- **Exercise instructions**
In the records below, find the line containing "#60=IFCINDEXEDPOLYGONALFACE((1,2,4,3));" and the line containing "#69=IFCPRODUCTDEFINITIONSHAPE($,$,(#68));"; please repeat exactly the lines from one to the other, both included, and nothing more.

- **Records provided**
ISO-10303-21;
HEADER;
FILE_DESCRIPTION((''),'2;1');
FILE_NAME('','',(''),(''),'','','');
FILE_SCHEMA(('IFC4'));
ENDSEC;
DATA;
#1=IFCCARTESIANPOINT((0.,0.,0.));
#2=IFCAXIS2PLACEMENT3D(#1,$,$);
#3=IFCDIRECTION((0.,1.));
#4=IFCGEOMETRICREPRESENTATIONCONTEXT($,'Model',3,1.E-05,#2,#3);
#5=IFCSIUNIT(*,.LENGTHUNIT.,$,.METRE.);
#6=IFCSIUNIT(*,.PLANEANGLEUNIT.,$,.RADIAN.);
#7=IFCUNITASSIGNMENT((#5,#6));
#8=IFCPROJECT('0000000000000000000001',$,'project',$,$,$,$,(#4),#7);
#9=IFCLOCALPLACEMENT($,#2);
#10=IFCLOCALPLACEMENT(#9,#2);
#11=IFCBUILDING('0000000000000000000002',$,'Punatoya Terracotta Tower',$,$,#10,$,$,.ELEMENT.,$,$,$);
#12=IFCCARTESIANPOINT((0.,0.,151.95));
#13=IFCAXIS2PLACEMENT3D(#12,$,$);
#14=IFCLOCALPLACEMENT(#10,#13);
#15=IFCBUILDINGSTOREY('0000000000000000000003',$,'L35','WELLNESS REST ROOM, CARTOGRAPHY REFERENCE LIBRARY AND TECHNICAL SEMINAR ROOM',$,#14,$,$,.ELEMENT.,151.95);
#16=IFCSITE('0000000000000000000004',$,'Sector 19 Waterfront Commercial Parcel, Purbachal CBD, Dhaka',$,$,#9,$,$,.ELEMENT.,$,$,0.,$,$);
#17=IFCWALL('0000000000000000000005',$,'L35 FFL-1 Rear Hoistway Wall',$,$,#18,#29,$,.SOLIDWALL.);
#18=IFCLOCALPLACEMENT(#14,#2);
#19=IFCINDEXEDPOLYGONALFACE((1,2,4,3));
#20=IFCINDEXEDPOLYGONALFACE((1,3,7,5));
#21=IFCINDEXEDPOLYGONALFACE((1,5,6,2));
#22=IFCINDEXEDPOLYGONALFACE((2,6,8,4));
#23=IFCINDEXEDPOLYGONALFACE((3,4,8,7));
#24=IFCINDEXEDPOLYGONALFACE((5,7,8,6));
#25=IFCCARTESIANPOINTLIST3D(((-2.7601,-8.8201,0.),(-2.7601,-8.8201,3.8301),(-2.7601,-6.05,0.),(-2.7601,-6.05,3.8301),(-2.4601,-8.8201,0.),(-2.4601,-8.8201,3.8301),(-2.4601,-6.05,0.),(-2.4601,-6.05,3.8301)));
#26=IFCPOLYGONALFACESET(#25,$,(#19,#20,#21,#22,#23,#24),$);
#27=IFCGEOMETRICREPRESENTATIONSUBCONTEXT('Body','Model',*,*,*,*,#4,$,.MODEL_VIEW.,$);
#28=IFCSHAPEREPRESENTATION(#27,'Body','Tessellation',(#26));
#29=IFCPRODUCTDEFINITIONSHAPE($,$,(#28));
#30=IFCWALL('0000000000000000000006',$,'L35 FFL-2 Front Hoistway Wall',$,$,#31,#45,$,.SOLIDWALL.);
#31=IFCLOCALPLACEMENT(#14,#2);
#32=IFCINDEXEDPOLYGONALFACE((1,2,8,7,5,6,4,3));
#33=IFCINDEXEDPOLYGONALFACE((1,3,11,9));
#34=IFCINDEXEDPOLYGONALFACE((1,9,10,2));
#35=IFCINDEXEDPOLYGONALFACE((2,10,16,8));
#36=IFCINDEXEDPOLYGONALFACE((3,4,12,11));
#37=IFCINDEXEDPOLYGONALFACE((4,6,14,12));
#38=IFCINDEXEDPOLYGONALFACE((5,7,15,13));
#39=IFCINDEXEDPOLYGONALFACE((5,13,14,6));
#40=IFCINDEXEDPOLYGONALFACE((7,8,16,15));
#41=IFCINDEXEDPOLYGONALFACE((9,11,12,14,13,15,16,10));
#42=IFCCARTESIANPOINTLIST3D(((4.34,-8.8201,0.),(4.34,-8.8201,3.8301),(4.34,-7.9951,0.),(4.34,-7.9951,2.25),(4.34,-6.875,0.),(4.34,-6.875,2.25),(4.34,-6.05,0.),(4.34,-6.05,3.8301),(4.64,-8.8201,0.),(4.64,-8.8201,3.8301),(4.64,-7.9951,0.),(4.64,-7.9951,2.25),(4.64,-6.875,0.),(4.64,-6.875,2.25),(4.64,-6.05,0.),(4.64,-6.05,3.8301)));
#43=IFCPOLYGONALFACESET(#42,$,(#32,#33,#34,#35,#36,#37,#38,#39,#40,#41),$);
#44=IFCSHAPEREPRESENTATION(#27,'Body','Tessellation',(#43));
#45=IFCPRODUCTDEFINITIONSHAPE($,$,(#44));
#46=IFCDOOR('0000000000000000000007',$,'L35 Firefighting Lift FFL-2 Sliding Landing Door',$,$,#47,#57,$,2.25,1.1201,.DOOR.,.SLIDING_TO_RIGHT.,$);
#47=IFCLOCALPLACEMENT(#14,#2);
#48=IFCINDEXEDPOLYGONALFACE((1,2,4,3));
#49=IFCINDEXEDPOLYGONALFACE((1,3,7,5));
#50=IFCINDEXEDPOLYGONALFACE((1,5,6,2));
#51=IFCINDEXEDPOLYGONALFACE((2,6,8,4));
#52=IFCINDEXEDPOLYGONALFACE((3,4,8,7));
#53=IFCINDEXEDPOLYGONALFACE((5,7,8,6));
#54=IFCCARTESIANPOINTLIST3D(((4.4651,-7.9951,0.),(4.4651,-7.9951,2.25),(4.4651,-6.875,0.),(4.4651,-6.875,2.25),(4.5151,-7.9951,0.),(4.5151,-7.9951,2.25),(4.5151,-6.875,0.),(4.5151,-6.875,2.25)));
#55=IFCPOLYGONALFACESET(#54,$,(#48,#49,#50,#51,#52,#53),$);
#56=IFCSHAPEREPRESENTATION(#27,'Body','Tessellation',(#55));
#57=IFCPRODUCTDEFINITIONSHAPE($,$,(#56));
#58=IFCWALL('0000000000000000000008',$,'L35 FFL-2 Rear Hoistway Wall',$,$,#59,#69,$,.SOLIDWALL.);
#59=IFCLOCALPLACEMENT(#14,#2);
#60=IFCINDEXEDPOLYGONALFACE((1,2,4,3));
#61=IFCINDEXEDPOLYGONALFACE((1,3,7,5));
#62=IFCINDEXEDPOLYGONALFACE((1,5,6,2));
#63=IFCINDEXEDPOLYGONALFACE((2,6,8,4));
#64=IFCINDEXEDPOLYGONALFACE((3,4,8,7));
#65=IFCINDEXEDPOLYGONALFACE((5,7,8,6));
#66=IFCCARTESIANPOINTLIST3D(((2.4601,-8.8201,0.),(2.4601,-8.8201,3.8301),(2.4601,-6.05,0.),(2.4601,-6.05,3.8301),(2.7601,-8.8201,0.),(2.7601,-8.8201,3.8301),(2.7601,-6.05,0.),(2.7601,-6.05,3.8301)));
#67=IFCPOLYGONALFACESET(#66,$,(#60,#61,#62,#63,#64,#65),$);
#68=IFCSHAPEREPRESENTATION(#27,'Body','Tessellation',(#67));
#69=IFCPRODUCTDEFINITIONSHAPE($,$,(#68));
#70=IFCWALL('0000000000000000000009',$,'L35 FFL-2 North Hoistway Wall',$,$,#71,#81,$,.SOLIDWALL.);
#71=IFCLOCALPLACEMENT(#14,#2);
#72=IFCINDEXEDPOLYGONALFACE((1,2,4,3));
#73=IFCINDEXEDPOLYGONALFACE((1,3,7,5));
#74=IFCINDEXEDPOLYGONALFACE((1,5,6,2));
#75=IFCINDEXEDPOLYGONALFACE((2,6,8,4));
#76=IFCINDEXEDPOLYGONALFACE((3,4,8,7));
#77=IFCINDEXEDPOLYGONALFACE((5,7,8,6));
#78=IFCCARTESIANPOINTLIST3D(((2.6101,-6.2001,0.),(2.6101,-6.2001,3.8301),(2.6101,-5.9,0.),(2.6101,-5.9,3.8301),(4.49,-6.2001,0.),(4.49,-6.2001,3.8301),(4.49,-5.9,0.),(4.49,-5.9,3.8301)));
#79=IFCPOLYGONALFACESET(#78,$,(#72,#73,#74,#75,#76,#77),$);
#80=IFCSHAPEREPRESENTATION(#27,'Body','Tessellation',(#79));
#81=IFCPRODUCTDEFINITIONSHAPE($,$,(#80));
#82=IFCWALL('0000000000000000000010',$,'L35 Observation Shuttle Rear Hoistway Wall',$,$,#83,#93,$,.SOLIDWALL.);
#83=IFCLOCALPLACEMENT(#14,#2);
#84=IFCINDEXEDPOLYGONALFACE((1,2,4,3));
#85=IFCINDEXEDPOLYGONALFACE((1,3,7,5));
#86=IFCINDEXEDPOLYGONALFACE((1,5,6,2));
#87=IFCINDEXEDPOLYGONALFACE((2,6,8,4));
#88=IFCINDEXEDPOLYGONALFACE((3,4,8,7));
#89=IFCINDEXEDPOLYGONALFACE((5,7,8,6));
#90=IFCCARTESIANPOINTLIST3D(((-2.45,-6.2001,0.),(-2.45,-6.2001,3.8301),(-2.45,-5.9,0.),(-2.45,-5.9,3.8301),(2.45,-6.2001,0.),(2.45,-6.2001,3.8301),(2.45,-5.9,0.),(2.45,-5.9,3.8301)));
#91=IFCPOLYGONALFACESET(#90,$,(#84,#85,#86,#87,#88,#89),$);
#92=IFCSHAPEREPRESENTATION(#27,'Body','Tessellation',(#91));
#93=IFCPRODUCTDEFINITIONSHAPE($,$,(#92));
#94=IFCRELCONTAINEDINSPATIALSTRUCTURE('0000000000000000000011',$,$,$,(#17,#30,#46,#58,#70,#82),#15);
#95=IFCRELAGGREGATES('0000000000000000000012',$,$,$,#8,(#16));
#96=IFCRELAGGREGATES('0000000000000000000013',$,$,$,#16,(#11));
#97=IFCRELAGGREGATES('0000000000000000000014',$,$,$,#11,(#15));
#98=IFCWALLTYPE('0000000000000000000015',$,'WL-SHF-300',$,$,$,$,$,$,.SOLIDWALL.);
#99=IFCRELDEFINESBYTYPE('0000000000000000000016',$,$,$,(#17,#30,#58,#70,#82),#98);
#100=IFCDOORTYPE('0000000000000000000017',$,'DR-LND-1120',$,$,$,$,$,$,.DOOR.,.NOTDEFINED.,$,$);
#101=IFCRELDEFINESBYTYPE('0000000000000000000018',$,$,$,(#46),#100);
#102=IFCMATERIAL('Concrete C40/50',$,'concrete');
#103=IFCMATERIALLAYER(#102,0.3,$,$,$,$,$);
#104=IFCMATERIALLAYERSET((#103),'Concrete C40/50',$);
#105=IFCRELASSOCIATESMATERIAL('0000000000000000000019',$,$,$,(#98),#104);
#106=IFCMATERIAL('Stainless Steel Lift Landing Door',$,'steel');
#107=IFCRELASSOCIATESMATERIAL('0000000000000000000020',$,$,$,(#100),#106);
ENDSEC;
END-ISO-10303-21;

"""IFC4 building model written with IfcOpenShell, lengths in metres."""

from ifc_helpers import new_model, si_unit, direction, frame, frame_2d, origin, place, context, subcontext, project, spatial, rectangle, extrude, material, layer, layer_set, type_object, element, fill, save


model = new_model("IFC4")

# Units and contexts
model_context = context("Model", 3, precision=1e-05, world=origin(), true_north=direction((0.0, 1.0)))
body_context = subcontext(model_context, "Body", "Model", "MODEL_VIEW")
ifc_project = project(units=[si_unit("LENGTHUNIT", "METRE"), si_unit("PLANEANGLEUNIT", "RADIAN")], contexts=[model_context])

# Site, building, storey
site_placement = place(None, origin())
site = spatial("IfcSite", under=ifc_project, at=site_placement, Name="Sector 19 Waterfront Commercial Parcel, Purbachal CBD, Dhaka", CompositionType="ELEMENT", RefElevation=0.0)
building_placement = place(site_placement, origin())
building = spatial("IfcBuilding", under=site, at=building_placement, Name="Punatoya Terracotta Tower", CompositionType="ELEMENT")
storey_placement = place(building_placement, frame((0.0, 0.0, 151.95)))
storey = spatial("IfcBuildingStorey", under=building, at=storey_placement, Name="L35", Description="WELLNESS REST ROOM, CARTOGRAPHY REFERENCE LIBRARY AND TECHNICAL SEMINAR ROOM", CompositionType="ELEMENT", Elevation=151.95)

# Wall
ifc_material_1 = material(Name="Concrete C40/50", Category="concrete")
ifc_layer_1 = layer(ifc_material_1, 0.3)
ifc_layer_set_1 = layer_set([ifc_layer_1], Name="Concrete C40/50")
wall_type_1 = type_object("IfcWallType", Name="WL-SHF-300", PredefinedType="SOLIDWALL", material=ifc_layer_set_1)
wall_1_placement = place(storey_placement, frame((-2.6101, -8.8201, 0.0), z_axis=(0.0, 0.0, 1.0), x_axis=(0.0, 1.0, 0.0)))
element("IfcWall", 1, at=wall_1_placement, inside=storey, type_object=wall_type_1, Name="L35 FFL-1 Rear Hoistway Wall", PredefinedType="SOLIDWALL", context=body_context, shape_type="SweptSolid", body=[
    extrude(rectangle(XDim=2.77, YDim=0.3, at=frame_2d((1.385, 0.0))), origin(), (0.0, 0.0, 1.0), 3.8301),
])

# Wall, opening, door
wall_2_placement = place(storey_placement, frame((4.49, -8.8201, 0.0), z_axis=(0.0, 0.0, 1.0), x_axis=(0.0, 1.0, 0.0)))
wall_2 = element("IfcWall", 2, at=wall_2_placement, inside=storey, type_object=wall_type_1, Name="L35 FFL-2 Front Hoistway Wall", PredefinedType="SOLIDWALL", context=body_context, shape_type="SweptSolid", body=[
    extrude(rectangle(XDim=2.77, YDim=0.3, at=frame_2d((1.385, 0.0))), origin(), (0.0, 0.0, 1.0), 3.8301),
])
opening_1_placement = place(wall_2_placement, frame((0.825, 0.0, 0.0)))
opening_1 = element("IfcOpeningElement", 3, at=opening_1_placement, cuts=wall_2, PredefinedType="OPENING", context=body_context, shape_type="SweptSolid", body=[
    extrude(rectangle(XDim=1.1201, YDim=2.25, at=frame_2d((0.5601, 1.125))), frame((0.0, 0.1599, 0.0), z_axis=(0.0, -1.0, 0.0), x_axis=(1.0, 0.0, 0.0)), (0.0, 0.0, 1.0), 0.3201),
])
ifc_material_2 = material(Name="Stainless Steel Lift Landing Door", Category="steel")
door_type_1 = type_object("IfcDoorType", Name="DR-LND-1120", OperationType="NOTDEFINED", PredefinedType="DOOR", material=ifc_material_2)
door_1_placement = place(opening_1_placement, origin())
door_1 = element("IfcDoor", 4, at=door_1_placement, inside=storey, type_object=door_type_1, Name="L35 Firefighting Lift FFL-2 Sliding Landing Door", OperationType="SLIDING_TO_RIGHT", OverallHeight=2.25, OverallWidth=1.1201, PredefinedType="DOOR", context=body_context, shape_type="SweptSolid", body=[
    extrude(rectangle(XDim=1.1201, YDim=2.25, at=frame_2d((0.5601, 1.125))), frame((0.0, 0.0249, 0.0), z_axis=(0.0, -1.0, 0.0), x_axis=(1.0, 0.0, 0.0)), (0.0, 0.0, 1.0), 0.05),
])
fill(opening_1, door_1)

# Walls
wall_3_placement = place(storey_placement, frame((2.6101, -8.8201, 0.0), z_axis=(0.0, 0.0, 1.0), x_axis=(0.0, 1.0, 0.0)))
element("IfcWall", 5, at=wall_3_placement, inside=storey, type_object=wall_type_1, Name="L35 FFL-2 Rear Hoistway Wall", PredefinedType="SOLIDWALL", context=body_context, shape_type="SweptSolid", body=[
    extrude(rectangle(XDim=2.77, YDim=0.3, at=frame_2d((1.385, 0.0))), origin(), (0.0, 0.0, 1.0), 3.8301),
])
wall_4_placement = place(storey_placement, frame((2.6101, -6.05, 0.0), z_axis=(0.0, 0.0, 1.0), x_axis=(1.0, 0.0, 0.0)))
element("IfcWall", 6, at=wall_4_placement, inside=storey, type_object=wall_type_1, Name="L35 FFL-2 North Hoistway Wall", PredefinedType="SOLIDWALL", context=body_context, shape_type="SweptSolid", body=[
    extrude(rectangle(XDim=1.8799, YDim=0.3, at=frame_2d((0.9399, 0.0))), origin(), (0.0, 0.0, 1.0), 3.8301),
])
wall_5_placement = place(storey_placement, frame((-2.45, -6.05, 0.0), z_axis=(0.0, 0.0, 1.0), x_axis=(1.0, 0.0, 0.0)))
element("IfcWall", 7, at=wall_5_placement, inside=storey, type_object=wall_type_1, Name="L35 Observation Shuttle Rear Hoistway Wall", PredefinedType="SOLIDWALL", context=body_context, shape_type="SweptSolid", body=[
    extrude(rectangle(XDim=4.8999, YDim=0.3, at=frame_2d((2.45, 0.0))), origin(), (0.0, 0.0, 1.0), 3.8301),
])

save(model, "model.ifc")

- **Exercise answer**
#60=IFCINDEXEDPOLYGONALFACE((1,2,4,3));
#61=IFCINDEXEDPOLYGONALFACE((1,3,7,5));
#62=IFCINDEXEDPOLYGONALFACE((1,5,6,2));
#63=IFCINDEXEDPOLYGONALFACE((2,6,8,4));
#64=IFCINDEXEDPOLYGONALFACE((3,4,8,7));
#65=IFCINDEXEDPOLYGONALFACE((5,7,8,6));
#66=IFCCARTESIANPOINTLIST3D(((2.4601,-8.8201,0.),(2.4601,-8.8201,3.8301),(2.4601,-6.05,0.),(2.4601,-6.05,3.8301),(2.7601,-8.8201,0.),(2.7601,-8.8201,3.8301),(2.7601,-6.05,0.),(2.7601,-6.05,3.8301)));
#67=IFCPOLYGONALFACESET(#66,$,(#60,#61,#62,#63,#64,#65),$);
#68=IFCSHAPEREPRESENTATION(#27,'Body','Tessellation',(#67));
#69=IFCPRODUCTDEFINITIONSHAPE($,$,(#68));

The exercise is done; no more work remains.